- **Try it**
Transcribe, verbatim, every line from the start of the entries through the line that contains "world=origin(), true_north=direction((0.0, 1.0)))"; include both boundary lines and omit all others.

- **Exercise material**
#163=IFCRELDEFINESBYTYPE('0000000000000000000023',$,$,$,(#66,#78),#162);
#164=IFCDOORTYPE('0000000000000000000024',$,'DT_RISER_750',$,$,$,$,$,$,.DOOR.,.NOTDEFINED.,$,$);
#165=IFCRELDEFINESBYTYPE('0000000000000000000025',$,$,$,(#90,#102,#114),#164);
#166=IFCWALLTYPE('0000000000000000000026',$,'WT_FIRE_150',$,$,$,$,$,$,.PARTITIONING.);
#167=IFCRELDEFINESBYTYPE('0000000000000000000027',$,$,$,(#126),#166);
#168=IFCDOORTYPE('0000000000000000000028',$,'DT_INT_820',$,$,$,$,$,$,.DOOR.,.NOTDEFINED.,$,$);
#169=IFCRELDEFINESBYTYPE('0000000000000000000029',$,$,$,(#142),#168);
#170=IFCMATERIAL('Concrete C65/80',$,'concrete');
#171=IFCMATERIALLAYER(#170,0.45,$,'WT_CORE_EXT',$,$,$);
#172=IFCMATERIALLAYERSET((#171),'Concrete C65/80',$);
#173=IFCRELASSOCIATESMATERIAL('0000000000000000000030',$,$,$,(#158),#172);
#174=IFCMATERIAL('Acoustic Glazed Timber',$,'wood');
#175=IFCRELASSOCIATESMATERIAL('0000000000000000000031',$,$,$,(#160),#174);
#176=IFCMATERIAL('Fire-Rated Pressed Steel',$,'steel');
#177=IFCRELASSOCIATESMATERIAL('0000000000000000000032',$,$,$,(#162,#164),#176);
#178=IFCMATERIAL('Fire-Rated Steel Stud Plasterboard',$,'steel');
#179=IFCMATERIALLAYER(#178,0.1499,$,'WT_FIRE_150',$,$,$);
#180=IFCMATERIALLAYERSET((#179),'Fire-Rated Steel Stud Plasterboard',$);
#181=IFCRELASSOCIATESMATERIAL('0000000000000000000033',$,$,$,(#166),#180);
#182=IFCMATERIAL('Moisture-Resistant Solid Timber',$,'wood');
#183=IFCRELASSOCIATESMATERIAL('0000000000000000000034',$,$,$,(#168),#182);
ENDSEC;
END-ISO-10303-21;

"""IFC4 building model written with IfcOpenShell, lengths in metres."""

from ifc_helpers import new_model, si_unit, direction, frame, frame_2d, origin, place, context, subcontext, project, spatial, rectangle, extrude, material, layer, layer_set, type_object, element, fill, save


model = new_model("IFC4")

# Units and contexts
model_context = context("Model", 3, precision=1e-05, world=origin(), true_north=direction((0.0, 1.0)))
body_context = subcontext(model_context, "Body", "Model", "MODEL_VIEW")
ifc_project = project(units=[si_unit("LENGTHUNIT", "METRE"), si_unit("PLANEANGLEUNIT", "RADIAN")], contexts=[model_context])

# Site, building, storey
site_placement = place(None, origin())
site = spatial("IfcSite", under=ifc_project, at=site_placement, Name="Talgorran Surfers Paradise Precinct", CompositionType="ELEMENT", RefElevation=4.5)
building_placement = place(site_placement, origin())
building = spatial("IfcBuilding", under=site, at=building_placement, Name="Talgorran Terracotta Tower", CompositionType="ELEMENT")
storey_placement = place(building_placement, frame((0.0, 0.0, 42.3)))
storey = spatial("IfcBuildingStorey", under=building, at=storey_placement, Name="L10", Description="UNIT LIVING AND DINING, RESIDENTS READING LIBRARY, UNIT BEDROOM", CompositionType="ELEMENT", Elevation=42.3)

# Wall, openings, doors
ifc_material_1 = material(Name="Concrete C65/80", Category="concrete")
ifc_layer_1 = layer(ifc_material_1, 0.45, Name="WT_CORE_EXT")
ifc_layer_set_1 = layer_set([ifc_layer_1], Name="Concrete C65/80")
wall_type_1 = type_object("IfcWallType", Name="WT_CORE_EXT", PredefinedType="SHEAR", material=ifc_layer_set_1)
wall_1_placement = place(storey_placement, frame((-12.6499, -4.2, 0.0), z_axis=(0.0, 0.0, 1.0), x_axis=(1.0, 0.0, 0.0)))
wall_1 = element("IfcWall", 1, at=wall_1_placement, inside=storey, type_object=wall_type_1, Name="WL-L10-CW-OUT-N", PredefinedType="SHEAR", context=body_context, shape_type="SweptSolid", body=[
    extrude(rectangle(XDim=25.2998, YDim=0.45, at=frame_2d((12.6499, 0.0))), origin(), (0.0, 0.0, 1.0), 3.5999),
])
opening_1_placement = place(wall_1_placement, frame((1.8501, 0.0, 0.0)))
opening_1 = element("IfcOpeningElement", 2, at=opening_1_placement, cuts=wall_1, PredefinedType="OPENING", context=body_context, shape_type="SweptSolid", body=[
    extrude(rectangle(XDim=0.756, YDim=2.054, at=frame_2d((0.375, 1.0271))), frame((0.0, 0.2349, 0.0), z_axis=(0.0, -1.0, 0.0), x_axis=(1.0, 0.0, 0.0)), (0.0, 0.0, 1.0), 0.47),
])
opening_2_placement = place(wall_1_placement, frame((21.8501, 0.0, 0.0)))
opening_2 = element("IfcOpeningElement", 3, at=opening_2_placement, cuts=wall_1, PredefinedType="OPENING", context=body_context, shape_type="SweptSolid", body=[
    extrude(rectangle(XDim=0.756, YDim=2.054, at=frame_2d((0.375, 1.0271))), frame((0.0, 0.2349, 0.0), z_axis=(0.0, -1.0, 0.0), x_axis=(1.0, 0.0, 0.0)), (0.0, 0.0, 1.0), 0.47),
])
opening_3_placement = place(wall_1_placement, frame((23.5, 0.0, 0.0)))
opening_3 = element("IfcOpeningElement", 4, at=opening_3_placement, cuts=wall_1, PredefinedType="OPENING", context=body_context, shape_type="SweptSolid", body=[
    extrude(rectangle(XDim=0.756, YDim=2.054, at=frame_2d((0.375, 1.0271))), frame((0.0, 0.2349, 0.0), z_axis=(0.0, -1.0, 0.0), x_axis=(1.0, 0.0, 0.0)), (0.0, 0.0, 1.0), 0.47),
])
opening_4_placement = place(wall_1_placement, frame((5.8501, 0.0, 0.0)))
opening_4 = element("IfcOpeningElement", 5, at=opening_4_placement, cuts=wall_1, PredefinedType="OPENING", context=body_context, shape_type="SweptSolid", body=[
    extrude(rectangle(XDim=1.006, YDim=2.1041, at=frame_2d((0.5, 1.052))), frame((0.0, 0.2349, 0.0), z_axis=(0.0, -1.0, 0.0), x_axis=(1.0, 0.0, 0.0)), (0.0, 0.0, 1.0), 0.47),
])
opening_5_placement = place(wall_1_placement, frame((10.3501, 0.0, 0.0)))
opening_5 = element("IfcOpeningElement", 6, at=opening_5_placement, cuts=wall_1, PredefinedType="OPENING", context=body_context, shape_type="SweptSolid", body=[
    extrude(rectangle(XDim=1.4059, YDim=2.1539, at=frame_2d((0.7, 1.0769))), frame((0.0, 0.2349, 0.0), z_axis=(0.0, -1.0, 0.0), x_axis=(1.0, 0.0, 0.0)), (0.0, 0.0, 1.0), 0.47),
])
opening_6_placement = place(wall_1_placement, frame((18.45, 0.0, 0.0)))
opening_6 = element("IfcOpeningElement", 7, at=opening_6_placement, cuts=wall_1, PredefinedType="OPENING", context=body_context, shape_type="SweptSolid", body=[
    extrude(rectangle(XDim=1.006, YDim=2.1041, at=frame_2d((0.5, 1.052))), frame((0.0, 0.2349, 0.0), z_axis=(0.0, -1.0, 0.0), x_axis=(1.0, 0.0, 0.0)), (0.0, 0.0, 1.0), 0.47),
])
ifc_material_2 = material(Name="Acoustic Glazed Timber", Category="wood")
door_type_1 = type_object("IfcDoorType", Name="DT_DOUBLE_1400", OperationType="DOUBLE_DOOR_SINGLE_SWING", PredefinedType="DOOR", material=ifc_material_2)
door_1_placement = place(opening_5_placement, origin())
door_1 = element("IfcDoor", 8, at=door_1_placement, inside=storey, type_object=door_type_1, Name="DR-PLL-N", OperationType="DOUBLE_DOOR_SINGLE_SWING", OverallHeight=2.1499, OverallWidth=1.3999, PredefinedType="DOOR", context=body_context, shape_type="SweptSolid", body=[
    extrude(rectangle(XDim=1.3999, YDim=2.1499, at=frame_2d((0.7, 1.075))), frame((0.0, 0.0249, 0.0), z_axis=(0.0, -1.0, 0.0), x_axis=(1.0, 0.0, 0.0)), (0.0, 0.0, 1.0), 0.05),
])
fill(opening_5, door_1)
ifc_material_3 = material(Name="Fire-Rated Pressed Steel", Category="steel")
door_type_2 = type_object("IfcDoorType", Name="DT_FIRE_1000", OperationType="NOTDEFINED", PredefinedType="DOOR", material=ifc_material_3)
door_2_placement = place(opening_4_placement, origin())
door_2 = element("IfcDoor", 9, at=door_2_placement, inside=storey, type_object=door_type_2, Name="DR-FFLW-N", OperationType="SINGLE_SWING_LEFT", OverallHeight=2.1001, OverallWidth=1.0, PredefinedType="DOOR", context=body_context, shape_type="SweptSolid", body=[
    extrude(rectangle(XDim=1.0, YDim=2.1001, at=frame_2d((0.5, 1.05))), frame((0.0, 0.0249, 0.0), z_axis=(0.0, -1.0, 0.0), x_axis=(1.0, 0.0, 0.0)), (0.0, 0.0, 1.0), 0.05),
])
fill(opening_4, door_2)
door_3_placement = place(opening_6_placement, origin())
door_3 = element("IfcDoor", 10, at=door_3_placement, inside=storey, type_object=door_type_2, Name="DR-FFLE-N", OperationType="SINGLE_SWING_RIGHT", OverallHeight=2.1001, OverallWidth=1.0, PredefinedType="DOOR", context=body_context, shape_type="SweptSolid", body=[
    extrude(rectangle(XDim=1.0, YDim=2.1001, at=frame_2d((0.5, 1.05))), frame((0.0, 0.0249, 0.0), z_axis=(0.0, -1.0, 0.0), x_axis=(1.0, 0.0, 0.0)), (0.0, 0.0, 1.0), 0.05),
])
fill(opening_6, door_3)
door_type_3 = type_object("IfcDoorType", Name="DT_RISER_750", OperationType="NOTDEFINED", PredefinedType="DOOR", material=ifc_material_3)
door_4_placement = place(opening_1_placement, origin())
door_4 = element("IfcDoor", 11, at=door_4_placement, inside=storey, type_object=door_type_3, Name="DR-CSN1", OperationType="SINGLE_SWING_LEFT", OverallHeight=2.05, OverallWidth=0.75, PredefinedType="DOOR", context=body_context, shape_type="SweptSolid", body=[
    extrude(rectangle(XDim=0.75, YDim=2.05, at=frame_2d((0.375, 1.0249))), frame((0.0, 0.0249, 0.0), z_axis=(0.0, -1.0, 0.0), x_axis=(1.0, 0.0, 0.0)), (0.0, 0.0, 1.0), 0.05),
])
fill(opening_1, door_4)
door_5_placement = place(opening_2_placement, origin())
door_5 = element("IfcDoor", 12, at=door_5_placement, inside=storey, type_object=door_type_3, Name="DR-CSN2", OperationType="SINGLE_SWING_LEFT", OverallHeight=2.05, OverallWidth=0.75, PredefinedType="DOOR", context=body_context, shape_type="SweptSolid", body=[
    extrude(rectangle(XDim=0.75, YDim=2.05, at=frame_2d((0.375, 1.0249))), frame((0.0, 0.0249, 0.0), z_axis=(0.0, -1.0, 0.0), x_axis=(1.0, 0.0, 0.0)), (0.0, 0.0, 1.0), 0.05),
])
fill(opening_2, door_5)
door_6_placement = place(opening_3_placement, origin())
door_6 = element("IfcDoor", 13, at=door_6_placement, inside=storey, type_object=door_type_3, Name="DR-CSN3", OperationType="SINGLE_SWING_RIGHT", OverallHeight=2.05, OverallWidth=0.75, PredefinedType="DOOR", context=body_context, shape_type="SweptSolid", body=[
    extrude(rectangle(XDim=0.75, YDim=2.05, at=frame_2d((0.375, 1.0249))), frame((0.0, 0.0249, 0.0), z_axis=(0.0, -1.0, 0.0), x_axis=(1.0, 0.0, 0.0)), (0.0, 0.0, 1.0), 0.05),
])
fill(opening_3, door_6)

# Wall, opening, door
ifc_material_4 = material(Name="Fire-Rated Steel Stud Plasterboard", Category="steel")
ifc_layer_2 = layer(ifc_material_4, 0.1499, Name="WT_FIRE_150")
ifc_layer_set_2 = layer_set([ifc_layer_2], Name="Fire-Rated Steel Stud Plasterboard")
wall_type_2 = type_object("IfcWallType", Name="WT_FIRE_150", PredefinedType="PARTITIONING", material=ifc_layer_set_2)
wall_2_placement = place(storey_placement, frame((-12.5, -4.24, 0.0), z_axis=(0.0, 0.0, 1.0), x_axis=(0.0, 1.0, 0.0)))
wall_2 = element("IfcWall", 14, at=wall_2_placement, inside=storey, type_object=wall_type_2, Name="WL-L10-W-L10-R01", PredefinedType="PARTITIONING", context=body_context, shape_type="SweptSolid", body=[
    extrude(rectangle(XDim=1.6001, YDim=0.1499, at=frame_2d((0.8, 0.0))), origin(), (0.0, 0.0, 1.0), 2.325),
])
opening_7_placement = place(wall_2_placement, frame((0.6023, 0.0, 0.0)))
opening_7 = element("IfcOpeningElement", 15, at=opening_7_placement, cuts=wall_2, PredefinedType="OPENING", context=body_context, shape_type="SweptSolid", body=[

- **Task response**
#163=IFCRELDEFINESBYTYPE('0000000000000000000023',$,$,$,(#66,#78),#162);
#164=IFCDOORTYPE('0000000000000000000024',$,'DT_RISER_750',$,$,$,$,$,$,.DOOR.,.NOTDEFINED.,$,$);
#165=IFCRELDEFINESBYTYPE('0000000000000000000025',$,$,$,(#90,#102,#114),#164);
#166=IFCWALLTYPE('0000000000000000000026',$,'WT_FIRE_150',$,$,$,$,$,$,.PARTITIONING.);
#167=IFCRELDEFINESBYTYPE('0000000000000000000027',$,$,$,(#126),#166);
#168=IFCDOORTYPE('0000000000000000000028',$,'DT_INT_820',$,$,$,$,$,$,.DOOR.,.NOTDEFINED.,$,$);
#169=IFCRELDEFINESBYTYPE('0000000000000000000029',$,$,$,(#142),#168);
#170=IFCMATERIAL('Concrete C65/80',$,'concrete');
#171=IFCMATERIALLAYER(#170,0.45,$,'WT_CORE_EXT',$,$,$);
#172=IFCMATERIALLAYERSET((#171),'Concrete C65/80',$);
#173=IFCRELASSOCIATESMATERIAL('0000000000000000000030',$,$,$,(#158),#172);
#174=IFCMATERIAL('Acoustic Glazed Timber',$,'wood');
#175=IFCRELASSOCIATESMATERIAL('0000000000000000000031',$,$,$,(#160),#174);
#176=IFCMATERIAL('Fire-Rated Pressed Steel',$,'steel');
#177=IFCRELASSOCIATESMATERIAL('0000000000000000000032',$,$,$,(#162,#164),#176);
#178=IFCMATERIAL('Fire-Rated Steel Stud Plasterboard',$,'steel');
#179=IFCMATERIALLAYER(#178,0.1499,$,'WT_FIRE_150',$,$,$);
#180=IFCMATERIALLAYERSET((#179),'Fire-Rated Steel Stud Plasterboard',$);
#181=IFCRELASSOCIATESMATERIAL('0000000000000000000033',$,$,$,(#166),#180);
#182=IFCMATERIAL('Moisture-Resistant Solid Timber',$,'wood');
#183=IFCRELASSOCIATESMATERIAL('0000000000000000000034',$,$,$,(#168),#182);
ENDSEC;
END-ISO-10303-21;

"""IFC4 building model written with IfcOpenShell, lengths in metres."""

from ifc_helpers import new_model, si_unit, direction, frame, frame_2d, origin, place, context, subcontext, project, spatial, rectangle, extrude, material, layer, layer_set, type_object, element, fill, save


model = new_model("IFC4")

# Units and contexts
model_context = context("Model", 3, precision=1e-05, world=origin(), true_north=direction((0.0, 1.0)))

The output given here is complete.